[Saved data entries]
*-*-*

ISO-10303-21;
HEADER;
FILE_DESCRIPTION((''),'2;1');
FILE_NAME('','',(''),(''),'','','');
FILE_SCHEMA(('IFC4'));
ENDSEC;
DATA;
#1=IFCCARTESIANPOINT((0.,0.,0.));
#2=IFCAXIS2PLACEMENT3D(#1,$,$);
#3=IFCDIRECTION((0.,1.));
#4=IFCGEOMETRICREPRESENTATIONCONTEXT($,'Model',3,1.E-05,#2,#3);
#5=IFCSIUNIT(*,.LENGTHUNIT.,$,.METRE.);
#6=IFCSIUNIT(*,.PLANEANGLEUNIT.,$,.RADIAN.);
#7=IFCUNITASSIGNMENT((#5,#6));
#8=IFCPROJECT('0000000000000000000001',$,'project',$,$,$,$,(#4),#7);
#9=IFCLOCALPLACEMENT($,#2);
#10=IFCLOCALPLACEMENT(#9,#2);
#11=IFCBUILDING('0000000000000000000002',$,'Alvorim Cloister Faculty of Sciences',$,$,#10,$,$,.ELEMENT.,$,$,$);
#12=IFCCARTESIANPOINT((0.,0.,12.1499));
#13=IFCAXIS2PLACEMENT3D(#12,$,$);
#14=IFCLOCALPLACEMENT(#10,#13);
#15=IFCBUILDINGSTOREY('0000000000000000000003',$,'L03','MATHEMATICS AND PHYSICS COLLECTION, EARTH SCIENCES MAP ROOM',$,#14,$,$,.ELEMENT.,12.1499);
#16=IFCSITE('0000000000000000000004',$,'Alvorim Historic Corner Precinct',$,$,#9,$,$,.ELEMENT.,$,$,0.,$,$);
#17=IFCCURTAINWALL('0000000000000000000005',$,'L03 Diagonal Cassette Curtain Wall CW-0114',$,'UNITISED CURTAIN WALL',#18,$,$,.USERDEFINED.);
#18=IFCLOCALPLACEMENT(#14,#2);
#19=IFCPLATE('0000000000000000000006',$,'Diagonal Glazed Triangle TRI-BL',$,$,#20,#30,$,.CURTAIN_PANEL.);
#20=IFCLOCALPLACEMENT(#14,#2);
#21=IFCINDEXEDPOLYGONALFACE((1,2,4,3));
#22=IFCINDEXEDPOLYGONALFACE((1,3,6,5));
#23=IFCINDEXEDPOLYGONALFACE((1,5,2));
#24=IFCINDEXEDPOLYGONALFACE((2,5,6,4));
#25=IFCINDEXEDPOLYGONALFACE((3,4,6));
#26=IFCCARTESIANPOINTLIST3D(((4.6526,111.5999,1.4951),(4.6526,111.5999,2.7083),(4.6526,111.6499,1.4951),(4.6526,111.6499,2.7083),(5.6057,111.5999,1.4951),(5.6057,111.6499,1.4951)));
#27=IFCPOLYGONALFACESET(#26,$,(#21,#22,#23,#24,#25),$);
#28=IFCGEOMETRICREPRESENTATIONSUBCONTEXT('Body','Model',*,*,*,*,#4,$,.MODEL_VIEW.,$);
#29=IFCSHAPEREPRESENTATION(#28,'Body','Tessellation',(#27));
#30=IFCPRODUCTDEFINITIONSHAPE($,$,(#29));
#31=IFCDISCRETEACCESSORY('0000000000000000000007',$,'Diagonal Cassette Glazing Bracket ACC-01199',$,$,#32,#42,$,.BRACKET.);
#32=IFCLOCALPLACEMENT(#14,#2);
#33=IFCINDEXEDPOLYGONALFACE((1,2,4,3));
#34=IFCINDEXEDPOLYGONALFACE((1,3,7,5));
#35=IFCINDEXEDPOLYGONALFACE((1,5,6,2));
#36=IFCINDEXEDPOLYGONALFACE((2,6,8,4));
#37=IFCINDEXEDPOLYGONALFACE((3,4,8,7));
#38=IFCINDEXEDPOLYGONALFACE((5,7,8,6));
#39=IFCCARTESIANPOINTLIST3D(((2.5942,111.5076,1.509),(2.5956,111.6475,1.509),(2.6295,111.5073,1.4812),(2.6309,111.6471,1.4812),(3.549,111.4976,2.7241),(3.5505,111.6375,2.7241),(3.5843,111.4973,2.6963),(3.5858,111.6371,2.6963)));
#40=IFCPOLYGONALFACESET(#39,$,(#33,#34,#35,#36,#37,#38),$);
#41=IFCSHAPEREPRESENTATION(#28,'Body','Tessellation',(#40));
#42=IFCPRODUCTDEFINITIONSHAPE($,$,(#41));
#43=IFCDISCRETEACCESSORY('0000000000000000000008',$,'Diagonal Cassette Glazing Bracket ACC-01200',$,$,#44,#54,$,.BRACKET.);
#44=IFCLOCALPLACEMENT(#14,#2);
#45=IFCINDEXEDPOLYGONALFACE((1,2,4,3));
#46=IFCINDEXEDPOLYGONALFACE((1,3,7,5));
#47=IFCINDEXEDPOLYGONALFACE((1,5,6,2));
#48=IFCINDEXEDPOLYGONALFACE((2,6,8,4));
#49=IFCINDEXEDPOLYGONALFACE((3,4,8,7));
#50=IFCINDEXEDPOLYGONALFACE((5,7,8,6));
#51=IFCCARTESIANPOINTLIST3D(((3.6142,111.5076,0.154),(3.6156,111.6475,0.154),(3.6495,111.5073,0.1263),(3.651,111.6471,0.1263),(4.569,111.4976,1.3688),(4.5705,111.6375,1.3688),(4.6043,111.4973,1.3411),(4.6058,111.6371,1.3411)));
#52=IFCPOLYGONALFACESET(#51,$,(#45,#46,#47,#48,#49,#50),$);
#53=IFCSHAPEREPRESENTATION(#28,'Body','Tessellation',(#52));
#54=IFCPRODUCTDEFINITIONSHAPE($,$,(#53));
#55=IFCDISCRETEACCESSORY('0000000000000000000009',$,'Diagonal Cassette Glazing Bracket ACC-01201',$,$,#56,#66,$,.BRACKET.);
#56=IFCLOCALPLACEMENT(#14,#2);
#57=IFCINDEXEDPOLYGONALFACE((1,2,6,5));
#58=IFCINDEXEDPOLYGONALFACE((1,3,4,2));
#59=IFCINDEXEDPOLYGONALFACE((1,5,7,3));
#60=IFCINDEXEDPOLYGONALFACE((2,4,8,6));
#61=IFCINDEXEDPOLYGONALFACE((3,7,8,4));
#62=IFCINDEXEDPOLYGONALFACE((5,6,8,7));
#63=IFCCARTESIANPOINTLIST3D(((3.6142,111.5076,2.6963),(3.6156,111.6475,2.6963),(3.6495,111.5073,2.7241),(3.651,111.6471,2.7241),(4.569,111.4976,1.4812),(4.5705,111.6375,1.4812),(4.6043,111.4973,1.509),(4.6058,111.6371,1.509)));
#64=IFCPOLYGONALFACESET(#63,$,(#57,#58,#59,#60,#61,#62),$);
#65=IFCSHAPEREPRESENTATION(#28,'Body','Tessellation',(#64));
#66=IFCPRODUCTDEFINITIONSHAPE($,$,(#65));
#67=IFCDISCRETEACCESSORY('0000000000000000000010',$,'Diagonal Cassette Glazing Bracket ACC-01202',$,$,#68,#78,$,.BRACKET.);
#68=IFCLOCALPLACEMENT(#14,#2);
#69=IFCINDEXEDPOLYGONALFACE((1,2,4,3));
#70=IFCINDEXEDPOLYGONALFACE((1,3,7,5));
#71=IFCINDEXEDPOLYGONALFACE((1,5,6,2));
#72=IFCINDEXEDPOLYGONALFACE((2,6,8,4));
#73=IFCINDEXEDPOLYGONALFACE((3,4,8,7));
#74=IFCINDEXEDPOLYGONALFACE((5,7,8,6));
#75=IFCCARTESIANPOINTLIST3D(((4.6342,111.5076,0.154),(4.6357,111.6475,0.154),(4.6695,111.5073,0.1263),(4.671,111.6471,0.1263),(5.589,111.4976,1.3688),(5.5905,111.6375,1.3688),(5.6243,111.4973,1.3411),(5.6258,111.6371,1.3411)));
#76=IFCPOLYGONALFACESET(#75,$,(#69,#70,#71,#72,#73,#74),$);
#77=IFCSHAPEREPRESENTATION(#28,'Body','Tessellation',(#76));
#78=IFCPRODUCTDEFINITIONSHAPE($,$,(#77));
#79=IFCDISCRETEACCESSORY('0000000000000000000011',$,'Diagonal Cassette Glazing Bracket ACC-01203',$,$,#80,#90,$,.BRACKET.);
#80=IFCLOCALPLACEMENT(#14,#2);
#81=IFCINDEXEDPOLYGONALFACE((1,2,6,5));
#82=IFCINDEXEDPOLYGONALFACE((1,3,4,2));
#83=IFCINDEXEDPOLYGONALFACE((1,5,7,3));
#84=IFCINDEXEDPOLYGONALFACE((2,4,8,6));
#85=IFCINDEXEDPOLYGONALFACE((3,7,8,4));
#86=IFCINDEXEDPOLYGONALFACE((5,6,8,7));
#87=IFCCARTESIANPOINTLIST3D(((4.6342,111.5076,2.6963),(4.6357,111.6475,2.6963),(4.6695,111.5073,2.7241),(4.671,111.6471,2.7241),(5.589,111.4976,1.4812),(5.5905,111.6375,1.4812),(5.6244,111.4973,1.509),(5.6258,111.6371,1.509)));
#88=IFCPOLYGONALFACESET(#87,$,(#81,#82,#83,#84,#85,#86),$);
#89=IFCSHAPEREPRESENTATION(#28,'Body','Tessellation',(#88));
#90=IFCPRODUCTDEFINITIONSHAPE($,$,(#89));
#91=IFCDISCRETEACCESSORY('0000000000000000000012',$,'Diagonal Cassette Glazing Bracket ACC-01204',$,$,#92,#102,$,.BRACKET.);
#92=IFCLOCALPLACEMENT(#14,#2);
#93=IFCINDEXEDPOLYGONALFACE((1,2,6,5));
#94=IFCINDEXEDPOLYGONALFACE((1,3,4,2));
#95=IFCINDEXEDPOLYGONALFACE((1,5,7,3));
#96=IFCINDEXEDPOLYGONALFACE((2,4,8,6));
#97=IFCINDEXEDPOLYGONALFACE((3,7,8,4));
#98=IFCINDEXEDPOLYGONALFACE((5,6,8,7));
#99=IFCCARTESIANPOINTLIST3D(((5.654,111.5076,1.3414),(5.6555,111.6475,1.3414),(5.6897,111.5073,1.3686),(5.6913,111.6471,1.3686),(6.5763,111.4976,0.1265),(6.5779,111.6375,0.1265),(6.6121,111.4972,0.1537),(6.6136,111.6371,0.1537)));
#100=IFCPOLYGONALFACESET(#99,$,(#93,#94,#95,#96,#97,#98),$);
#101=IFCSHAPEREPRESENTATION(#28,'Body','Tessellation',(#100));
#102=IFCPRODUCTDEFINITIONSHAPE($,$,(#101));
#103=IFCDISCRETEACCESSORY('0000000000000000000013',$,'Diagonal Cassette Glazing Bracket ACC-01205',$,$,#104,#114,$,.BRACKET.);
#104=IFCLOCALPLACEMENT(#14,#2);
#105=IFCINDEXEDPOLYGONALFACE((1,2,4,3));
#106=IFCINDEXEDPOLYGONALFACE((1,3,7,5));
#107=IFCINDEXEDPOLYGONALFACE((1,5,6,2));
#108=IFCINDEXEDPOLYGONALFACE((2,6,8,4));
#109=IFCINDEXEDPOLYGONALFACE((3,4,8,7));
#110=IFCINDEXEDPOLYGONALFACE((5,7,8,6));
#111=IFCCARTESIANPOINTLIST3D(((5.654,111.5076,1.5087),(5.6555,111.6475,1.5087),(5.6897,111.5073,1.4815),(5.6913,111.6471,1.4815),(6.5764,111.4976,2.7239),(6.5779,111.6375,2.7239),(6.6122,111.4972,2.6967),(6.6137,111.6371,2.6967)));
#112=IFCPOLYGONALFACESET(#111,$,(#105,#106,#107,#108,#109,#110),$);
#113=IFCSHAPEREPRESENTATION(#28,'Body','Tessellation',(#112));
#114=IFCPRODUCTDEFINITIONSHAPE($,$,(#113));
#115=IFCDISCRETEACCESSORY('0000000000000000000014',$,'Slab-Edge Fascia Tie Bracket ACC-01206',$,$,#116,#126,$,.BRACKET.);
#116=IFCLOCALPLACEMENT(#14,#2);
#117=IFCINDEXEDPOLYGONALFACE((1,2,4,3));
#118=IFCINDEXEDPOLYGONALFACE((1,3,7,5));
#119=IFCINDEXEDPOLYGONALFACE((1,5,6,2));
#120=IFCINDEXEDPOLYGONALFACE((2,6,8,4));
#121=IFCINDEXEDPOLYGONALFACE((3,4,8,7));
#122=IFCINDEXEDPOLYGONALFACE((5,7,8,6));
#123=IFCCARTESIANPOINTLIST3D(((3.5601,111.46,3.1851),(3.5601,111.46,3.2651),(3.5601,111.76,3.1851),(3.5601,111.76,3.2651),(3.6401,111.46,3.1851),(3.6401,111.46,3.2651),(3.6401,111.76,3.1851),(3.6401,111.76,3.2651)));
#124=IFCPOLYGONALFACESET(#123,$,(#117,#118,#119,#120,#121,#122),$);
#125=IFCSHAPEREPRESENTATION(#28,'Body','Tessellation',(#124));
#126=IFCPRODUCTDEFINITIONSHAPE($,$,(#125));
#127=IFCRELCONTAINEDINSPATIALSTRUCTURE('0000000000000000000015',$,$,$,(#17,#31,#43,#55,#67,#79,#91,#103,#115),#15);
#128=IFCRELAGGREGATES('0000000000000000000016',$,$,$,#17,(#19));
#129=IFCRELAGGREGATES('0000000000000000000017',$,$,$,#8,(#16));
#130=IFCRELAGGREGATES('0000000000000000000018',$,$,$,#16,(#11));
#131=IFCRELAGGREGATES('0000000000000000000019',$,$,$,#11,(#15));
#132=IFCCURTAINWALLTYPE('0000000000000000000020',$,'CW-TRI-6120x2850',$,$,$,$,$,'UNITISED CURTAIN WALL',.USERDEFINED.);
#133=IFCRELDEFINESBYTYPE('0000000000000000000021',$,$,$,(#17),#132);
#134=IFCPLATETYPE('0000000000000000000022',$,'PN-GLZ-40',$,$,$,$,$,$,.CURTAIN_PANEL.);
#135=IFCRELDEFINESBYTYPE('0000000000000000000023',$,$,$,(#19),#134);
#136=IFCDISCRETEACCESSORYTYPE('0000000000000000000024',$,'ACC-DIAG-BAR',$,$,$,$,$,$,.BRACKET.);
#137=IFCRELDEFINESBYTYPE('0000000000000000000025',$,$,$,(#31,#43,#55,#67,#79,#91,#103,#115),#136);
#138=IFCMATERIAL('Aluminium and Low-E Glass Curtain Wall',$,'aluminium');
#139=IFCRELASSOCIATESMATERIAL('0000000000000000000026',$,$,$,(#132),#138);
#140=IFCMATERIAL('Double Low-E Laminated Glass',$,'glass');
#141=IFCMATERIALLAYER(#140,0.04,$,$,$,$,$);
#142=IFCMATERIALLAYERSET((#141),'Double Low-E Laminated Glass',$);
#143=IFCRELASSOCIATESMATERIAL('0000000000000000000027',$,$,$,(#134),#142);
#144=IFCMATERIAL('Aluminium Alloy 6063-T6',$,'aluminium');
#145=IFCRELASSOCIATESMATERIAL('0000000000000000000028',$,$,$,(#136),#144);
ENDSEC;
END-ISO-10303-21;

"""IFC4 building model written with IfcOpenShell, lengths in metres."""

from ifc_helpers import new_model, si_unit, direction, frame, origin, origin_2d, place, context, subcontext, project, spatial, polyline, rectangle, outline, extrude, material, layer, layer_set, type_object, element, aggregate, save


model = new_model("IFC4")

# Units and contexts
model_context = context("Model", 3, precision=1e-05, world=origin(), true_north=direction((0.0, 1.0)))
body_context = subcontext(model_context, "Body", "Model", "MODEL_VIEW")
ifc_project = project(units=[si_unit("LENGTHUNIT", "METRE"), si_unit("PLANEANGLEUNIT", "RADIAN")], contexts=[model_context])

# Site, building, storey
site_placement = place(None, origin())
site = spatial("IfcSite", under=ifc_project, at=site_placement, Name="Alvorim Historic Corner Precinct", CompositionType="ELEMENT", RefElevation=0.0)
building_placement = place(site_placement, origin())
building = spatial("IfcBuilding", under=site, at=building_placement, Name="Alvorim Cloister Faculty of Sciences", CompositionType="ELEMENT")
storey_placement = place(building_placement, frame((0.0, 0.0, 12.1499)))
storey = spatial("IfcBuildingStorey", under=building, at=storey_placement, Name="L03", Description="MATHEMATICS AND PHYSICS COLLECTION, EARTH SCIENCES MAP ROOM", CompositionType="ELEMENT", Elevation=12.1499)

*-*-*

If a line above holds the string "UNITISED", copy it out.

• Written response
#17=IFCCURTAINWALL('0000000000000000000005',$,'L03 Diagonal Cassette Curtain Wall CW-0114',$,'UNITISED CURTAIN WALL',#18,$,$,.USERDEFINED.);
#132=IFCCURTAINWALLTYPE('0000000000000000000020',$,'CW-TRI-6120x2850',$,$,$,$,$,'UNITISED CURTAIN WALL',.USERDEFINED.);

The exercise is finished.